Problem statement:
Set out exactly every line of the entries below, starting at the line that holds "#67=IFCLOCALPLACEMENT(#14,#2);" and stopping after the line that holds "#89=IFCINDEXEDPOLYGONALFACE((5,7,8,6));".

(Collected data)
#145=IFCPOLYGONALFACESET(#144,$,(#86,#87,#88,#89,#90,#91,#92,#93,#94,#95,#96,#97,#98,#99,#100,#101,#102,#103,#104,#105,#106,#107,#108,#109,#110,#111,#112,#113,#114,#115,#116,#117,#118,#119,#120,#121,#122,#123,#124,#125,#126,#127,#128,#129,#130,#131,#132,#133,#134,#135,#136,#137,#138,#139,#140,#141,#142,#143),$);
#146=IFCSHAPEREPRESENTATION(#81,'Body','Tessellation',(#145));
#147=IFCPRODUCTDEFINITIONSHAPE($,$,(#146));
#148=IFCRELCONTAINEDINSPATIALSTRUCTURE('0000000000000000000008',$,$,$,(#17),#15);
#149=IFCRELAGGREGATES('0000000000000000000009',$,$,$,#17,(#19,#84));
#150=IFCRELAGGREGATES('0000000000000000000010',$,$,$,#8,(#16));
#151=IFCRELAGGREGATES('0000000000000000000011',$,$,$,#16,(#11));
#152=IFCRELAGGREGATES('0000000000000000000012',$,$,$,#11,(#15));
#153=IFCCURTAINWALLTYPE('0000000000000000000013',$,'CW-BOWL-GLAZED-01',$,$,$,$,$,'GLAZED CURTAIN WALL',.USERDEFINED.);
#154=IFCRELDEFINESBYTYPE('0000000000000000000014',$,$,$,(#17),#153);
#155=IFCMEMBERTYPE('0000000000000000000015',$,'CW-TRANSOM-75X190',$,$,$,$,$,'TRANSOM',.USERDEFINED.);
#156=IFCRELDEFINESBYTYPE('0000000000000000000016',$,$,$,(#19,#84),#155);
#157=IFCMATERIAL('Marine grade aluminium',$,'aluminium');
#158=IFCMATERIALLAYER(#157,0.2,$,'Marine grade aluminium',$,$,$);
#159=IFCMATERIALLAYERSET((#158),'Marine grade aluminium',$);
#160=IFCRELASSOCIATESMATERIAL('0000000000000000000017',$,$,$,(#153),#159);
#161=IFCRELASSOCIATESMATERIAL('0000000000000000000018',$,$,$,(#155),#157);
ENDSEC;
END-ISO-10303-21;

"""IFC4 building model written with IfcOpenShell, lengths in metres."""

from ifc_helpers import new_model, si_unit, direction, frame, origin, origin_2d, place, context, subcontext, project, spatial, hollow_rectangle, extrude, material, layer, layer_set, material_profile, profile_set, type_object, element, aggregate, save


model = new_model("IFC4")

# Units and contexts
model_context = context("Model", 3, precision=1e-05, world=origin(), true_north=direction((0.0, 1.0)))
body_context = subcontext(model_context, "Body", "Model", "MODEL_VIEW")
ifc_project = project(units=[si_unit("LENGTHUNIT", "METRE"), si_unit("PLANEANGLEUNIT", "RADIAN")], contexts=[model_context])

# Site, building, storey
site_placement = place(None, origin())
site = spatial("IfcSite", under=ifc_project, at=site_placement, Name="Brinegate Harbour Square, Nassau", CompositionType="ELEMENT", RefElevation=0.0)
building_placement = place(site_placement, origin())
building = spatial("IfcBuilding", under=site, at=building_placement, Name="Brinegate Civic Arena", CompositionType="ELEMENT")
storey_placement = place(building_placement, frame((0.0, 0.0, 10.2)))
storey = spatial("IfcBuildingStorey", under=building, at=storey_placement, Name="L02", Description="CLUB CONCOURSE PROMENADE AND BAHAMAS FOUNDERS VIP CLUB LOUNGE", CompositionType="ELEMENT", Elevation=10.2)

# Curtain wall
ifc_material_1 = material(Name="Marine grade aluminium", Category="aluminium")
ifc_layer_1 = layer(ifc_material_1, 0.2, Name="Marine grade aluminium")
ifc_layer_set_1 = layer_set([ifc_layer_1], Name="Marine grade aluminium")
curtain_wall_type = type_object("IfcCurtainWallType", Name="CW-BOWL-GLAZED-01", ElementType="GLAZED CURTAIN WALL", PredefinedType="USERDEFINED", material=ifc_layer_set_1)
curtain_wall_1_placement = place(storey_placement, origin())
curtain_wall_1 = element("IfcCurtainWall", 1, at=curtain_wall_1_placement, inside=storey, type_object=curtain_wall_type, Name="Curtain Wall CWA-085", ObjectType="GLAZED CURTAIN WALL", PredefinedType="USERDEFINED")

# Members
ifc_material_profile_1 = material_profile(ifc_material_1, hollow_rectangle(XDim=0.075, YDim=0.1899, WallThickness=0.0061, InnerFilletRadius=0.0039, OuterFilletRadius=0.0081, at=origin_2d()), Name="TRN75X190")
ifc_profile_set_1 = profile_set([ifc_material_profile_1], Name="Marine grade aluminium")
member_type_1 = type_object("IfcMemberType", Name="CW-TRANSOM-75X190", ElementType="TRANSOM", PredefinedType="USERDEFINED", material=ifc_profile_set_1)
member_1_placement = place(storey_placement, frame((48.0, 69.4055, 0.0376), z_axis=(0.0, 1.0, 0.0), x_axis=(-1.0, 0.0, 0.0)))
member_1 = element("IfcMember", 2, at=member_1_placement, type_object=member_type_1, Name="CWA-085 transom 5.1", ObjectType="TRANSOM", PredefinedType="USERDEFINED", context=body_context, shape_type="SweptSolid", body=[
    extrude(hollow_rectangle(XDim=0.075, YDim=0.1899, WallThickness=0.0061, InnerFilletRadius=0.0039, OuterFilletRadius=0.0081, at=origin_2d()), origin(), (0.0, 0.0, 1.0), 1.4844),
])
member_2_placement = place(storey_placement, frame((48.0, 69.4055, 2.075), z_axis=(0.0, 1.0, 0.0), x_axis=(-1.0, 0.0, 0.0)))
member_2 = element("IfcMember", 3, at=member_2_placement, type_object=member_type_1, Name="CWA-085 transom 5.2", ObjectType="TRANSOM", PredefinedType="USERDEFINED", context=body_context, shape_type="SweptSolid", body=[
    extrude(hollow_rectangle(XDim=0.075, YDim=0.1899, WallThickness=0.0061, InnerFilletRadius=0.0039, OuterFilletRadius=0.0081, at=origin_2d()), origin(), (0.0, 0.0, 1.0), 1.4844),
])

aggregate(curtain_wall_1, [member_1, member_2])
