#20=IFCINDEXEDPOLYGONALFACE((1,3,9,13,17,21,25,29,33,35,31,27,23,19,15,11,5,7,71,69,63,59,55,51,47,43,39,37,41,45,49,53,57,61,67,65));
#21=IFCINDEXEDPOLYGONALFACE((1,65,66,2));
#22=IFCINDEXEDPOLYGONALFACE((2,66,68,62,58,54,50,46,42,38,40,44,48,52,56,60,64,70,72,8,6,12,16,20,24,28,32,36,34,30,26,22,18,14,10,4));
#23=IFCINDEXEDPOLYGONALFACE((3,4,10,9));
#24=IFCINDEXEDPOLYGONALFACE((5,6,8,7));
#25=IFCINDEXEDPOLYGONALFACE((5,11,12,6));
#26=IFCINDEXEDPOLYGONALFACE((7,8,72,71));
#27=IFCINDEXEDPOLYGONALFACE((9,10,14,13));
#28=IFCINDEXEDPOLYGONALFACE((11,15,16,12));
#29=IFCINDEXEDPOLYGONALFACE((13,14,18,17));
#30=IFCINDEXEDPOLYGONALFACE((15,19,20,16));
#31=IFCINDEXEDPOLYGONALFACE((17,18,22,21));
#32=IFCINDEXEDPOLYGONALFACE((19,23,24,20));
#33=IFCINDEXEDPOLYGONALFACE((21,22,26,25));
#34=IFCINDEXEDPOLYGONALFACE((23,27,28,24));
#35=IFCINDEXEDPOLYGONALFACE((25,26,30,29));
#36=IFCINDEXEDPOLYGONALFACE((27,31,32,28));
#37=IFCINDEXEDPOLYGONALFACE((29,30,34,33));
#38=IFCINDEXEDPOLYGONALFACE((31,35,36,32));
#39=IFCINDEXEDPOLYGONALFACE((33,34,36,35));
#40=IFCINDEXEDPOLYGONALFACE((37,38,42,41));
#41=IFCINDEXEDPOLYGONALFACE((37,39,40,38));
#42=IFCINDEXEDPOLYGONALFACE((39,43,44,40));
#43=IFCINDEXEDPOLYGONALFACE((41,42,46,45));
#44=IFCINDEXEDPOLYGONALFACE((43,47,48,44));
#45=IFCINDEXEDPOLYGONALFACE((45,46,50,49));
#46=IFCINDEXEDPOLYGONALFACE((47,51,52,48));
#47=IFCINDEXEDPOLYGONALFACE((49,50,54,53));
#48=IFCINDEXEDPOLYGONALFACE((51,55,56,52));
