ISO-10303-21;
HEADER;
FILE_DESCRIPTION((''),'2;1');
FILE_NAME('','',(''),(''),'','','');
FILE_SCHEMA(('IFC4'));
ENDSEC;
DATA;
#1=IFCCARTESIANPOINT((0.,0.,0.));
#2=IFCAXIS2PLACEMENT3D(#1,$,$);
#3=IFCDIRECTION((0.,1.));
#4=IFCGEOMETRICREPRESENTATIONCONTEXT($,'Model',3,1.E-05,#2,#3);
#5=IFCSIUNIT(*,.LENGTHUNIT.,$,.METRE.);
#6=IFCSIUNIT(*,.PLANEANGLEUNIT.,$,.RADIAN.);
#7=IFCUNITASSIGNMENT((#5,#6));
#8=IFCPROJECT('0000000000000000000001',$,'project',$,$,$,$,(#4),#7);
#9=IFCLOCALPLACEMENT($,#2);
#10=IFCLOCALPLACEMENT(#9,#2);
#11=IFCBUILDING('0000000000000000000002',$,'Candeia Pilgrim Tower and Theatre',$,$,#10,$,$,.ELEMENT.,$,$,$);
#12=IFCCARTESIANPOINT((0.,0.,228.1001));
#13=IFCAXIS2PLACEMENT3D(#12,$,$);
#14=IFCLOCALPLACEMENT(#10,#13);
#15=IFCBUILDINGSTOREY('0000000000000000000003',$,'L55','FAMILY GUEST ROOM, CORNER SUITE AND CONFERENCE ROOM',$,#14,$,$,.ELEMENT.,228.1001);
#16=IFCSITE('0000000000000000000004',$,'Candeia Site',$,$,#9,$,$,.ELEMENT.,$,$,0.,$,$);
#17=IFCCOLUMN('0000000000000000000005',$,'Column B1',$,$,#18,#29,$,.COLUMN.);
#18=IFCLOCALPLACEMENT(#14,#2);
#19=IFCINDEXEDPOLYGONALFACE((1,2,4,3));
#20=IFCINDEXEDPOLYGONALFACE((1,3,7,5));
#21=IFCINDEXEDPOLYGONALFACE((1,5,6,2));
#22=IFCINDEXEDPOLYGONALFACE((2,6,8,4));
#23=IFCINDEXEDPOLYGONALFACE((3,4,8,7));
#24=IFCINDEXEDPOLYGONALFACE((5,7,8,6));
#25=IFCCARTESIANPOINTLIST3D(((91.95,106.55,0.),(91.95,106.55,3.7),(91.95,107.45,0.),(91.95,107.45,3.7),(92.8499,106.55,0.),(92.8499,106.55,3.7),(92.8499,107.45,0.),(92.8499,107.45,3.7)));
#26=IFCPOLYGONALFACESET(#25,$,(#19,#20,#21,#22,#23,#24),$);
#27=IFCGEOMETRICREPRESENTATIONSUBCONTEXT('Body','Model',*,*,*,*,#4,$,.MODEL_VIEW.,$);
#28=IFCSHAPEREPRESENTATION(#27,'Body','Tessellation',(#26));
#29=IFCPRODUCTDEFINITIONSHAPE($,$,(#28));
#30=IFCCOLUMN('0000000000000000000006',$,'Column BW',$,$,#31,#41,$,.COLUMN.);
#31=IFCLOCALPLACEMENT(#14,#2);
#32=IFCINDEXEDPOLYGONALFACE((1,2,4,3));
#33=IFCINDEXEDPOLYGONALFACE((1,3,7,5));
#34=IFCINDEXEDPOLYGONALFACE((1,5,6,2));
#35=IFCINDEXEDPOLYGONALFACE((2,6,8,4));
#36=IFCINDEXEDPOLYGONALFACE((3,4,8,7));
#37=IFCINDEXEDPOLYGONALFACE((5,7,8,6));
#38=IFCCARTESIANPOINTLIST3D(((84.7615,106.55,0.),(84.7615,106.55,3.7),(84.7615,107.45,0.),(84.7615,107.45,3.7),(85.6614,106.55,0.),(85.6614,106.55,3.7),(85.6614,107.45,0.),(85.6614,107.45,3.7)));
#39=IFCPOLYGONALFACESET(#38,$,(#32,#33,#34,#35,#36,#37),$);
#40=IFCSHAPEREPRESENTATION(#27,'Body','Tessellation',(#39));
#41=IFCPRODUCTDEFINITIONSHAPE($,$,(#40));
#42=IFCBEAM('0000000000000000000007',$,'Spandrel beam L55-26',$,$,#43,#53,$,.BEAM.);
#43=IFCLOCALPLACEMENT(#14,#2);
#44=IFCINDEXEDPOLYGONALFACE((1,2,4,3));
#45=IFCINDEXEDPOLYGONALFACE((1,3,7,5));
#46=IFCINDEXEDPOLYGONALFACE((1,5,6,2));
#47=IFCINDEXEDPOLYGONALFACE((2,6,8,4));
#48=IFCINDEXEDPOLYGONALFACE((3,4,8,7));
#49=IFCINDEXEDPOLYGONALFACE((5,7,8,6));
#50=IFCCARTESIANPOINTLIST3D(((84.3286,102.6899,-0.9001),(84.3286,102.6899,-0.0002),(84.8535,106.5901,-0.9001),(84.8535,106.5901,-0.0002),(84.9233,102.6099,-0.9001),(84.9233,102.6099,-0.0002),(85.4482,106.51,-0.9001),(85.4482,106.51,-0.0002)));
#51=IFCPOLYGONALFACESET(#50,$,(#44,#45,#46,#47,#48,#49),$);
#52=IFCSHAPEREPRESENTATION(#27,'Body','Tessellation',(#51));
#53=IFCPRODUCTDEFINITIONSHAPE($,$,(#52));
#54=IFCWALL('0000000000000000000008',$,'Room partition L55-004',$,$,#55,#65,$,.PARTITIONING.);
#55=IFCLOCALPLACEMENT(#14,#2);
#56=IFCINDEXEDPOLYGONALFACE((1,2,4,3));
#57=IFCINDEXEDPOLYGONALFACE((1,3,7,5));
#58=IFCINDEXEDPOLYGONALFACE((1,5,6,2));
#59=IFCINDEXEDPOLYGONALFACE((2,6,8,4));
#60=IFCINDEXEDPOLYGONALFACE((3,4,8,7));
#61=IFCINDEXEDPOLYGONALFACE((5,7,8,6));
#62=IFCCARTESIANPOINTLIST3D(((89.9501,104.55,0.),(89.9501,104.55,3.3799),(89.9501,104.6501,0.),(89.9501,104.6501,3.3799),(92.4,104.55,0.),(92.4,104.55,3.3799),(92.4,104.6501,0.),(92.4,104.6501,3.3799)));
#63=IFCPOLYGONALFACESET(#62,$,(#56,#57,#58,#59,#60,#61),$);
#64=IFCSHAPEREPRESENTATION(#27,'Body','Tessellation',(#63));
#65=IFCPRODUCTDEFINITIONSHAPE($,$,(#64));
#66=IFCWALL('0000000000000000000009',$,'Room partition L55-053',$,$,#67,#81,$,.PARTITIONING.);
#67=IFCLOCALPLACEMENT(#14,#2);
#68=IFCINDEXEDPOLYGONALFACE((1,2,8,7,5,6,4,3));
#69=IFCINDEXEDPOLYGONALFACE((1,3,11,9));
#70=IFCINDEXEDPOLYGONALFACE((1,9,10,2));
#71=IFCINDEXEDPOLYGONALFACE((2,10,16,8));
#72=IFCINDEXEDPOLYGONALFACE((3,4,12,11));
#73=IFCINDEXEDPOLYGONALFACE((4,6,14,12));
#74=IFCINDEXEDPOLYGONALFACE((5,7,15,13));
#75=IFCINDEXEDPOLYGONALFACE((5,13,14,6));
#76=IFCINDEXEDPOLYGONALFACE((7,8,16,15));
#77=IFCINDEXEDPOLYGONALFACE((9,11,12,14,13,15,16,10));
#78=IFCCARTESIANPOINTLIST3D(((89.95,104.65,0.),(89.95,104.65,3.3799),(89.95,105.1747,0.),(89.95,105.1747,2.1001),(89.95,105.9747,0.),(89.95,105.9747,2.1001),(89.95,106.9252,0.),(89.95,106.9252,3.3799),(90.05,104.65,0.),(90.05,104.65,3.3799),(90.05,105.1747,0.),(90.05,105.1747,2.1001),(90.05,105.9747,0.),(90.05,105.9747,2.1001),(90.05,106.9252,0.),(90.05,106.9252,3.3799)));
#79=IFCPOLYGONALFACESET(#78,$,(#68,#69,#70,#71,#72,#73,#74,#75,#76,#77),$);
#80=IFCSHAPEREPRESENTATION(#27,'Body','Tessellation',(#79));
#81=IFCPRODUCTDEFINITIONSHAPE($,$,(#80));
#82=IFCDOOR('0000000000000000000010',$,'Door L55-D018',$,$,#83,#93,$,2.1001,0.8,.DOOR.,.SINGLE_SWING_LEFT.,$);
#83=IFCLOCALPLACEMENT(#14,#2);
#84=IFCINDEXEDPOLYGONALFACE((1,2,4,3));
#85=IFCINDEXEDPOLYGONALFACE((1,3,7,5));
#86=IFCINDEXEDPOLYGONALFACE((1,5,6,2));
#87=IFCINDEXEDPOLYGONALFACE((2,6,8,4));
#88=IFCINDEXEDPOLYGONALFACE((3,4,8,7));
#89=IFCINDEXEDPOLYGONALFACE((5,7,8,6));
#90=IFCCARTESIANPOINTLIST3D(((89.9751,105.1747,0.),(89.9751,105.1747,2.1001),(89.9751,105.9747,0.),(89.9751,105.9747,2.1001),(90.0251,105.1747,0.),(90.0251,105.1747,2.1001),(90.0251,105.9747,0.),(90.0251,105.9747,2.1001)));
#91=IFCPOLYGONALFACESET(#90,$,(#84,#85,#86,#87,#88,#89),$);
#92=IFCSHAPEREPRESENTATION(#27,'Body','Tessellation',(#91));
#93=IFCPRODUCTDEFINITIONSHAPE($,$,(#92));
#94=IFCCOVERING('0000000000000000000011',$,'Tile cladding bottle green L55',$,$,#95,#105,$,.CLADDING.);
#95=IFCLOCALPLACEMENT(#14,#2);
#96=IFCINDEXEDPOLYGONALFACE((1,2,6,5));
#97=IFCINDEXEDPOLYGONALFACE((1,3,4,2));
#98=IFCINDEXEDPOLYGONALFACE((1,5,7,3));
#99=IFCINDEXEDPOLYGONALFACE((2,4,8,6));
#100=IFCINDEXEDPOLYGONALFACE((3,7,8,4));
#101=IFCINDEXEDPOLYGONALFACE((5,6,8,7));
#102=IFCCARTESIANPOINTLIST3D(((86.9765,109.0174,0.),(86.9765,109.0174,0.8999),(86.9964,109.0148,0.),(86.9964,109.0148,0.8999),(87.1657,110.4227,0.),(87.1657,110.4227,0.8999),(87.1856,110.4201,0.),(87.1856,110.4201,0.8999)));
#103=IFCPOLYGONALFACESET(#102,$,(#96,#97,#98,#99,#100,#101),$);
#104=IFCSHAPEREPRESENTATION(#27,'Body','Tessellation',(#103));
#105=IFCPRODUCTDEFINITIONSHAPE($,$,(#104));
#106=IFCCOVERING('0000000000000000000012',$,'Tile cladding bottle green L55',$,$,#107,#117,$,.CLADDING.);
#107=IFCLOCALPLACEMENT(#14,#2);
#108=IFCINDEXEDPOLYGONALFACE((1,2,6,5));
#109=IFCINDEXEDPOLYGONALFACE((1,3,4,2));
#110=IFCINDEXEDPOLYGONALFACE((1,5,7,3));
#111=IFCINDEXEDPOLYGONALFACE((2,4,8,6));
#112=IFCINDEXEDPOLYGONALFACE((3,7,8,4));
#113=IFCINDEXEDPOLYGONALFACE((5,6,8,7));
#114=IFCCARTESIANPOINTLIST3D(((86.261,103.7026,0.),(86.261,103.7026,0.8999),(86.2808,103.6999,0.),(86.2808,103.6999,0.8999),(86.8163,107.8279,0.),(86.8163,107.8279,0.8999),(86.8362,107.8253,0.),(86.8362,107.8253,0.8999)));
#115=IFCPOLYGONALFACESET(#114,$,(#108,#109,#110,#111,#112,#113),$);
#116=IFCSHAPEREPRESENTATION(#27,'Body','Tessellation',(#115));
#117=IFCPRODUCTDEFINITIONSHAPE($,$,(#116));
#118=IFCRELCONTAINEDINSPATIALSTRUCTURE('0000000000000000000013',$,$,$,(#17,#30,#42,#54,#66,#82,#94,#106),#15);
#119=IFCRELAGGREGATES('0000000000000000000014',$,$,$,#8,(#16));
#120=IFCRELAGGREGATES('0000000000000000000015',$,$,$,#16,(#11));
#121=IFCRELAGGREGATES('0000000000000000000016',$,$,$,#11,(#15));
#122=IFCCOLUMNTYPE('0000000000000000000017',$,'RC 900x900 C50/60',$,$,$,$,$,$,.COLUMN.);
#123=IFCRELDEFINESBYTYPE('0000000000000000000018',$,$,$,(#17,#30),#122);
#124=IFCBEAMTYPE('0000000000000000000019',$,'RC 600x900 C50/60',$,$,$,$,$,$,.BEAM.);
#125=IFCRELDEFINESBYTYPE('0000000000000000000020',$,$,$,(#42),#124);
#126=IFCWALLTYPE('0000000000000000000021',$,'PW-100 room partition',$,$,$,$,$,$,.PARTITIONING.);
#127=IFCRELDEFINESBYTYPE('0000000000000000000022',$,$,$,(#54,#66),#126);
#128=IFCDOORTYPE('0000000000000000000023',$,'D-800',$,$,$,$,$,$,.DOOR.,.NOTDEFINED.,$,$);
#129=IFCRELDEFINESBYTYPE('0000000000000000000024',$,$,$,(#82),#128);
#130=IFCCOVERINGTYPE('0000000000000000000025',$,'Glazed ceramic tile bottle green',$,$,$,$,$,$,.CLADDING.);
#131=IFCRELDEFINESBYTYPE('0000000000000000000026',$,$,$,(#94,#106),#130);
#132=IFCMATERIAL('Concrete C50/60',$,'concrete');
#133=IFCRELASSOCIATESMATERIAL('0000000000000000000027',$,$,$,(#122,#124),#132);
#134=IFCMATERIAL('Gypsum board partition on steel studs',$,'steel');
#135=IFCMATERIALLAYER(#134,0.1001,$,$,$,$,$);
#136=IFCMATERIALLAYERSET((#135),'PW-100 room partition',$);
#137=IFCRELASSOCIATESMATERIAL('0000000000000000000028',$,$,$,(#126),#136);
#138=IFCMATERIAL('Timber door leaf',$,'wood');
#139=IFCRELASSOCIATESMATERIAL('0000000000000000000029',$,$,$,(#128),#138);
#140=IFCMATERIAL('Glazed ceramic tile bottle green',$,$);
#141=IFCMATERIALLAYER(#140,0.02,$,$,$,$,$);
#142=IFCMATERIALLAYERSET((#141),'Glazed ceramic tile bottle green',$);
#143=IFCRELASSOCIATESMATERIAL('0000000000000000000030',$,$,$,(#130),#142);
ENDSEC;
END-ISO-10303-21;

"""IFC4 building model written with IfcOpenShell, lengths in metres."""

from ifc_helpers import new_model, si_unit, direction, frame, frame_2d, origin, origin_2d, place, context, subcontext, project, spatial, rectangle, extrude, material, layer, layer_set, material_profile, profile_set, type_object, element, fill, save


model = new_model("IFC4")

# Units and contexts
model_context = context("Model", 3, precision=1e-05, world=origin(), true_north=direction((0.0, 1.0)))
body_context = subcontext(model_context, "Body", "Model", "MODEL_VIEW")
ifc_project = project(units=[si_unit("LENGTHUNIT", "METRE"), si_unit("PLANEANGLEUNIT", "RADIAN")], contexts=[model_context])

# Site, building, storey
site_placement = place(None, origin())
site = spatial("IfcSite", under=ifc_project, at=site_placement, Name="Candeia Site", CompositionType="ELEMENT", RefElevation=0.0)
building_placement = place(site_placement, origin())
building = spatial("IfcBuilding", under=site, at=building_placement, Name="Candeia Pilgrim Tower and Theatre", CompositionType="ELEMENT")
storey_placement = place(building_placement, frame((0.0, 0.0, 228.1001)))
storey = spatial("IfcBuildingStorey", under=building, at=storey_placement, Name="L55", Description="FAMILY GUEST ROOM, CORNER SUITE AND CONFERENCE ROOM", CompositionType="ELEMENT", Elevation=228.1001)

# Columns
ifc_material_1 = material(Name="Concrete C50/60", Category="concrete")
ifc_material_profile_1 = material_profile(ifc_material_1, rectangle(XDim=0.8999, YDim=0.8999, at=origin_2d()))
ifc_profile_set_1 = profile_set([ifc_material_profile_1], Name="Concrete C50/60")
column_type = type_object("IfcColumnType", Name="RC 900x900 C50/60", PredefinedType="COLUMN", material=ifc_profile_set_1)
for number, where, z_axis, x_axis, name in (
    (1, (92.3999, 107.0, 0.0), (0.0, 0.0, 1.0), (1.0, 0.0, 0.0), "Column B1"),
    (2, (85.2114, 107.0, 0.0), (0.0, 0.0, 1.0), (1.0, 0.0, 0.0), "Column BW"),
):
    element("IfcColumn", number, at=place(storey_placement, frame(where, z_axis=z_axis, x_axis=x_axis)), inside=storey, type_object=column_type, Name=name, PredefinedType="COLUMN", context=body_context, shape_type="SweptSolid", body=[
        extrude(rectangle(XDim=0.8999, YDim=0.8999, at=origin_2d()), origin(), (0.0, 0.0, 1.0), 3.7),
    ])

# Beam
ifc_material_profile_2 = material_profile(ifc_material_1, rectangle(XDim=0.6001, YDim=0.8999, at=origin_2d()))
ifc_profile_set_2 = profile_set([ifc_material_profile_2], Name="Concrete C50/60")
beam_type = type_object("IfcBeamType", Name="RC 600x900 C50/60", PredefinedType="BEAM", material=ifc_profile_set_2)
beam_placement = place(storey_placement, frame((85.1509, 106.55, -0.4502), z_axis=(-0.133383, -0.991065, 0.0), x_axis=(0.991065, -0.133383, 0.0)))
element("IfcBeam", 3, at=beam_placement, inside=storey, type_object=beam_type, Name="Spandrel beam L55-26", PredefinedType="BEAM", context=body_context, shape_type="SweptSolid", body=[
    extrude(rectangle(XDim=0.6001, YDim=0.8999, at=origin_2d()), origin(), (0.0, 0.0, 1.0), 3.9353),
])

Response:
#67=IFCLOCALPLACEMENT(#14,#2);
#68=IFCINDEXEDPOLYGONALFACE((1,2,8,7,5,6,4,3));
#69=IFCINDEXEDPOLYGONALFACE((1,3,11,9));
#70=IFCINDEXEDPOLYGONALFACE((1,9,10,2));
#71=IFCINDEXEDPOLYGONALFACE((2,10,16,8));
#72=IFCINDEXEDPOLYGONALFACE((3,4,12,11));
#73=IFCINDEXEDPOLYGONALFACE((4,6,14,12));
#74=IFCINDEXEDPOLYGONALFACE((5,7,15,13));
#75=IFCINDEXEDPOLYGONALFACE((5,13,14,6));
#76=IFCINDEXEDPOLYGONALFACE((7,8,16,15));
#77=IFCINDEXEDPOLYGONALFACE((9,11,12,14,13,15,16,10));
#78=IFCCARTESIANPOINTLIST3D(((89.95,104.65,0.),(89.95,104.65,3.3799),(89.95,105.1747,0.),(89.95,105.1747,2.1001),(89.95,105.9747,0.),(89.95,105.9747,2.1001),(89.95,106.9252,0.),(89.95,106.9252,3.3799),(90.05,104.65,0.),(90.05,104.65,3.3799),(90.05,105.1747,0.),(90.05,105.1747,2.1001),(90.05,105.9747,0.),(90.05,105.9747,2.1001),(90.05,106.9252,0.),(90.05,106.9252,3.3799)));
#79=IFCPOLYGONALFACESET(#78,$,(#68,#69,#70,#71,#72,#73,#74,#75,#76,#77),$);
#80=IFCSHAPEREPRESENTATION(#27,'Body','Tessellation',(#79));
#81=IFCPRODUCTDEFINITIONSHAPE($,$,(#80));
#82=IFCDOOR('0000000000000000000010',$,'Door L55-D018',$,$,#83,#93,$,2.1001,0.8,.DOOR.,.SINGLE_SWING_LEFT.,$);
#83=IFCLOCALPLACEMENT(#14,#2);
#84=IFCINDEXEDPOLYGONALFACE((1,2,4,3));
#85=IFCINDEXEDPOLYGONALFACE((1,3,7,5));
#86=IFCINDEXEDPOLYGONALFACE((1,5,6,2));
#87=IFCINDEXEDPOLYGONALFACE((2,6,8,4));
#88=IFCINDEXEDPOLYGONALFACE((3,4,8,7));
#89=IFCINDEXEDPOLYGONALFACE((5,7,8,6));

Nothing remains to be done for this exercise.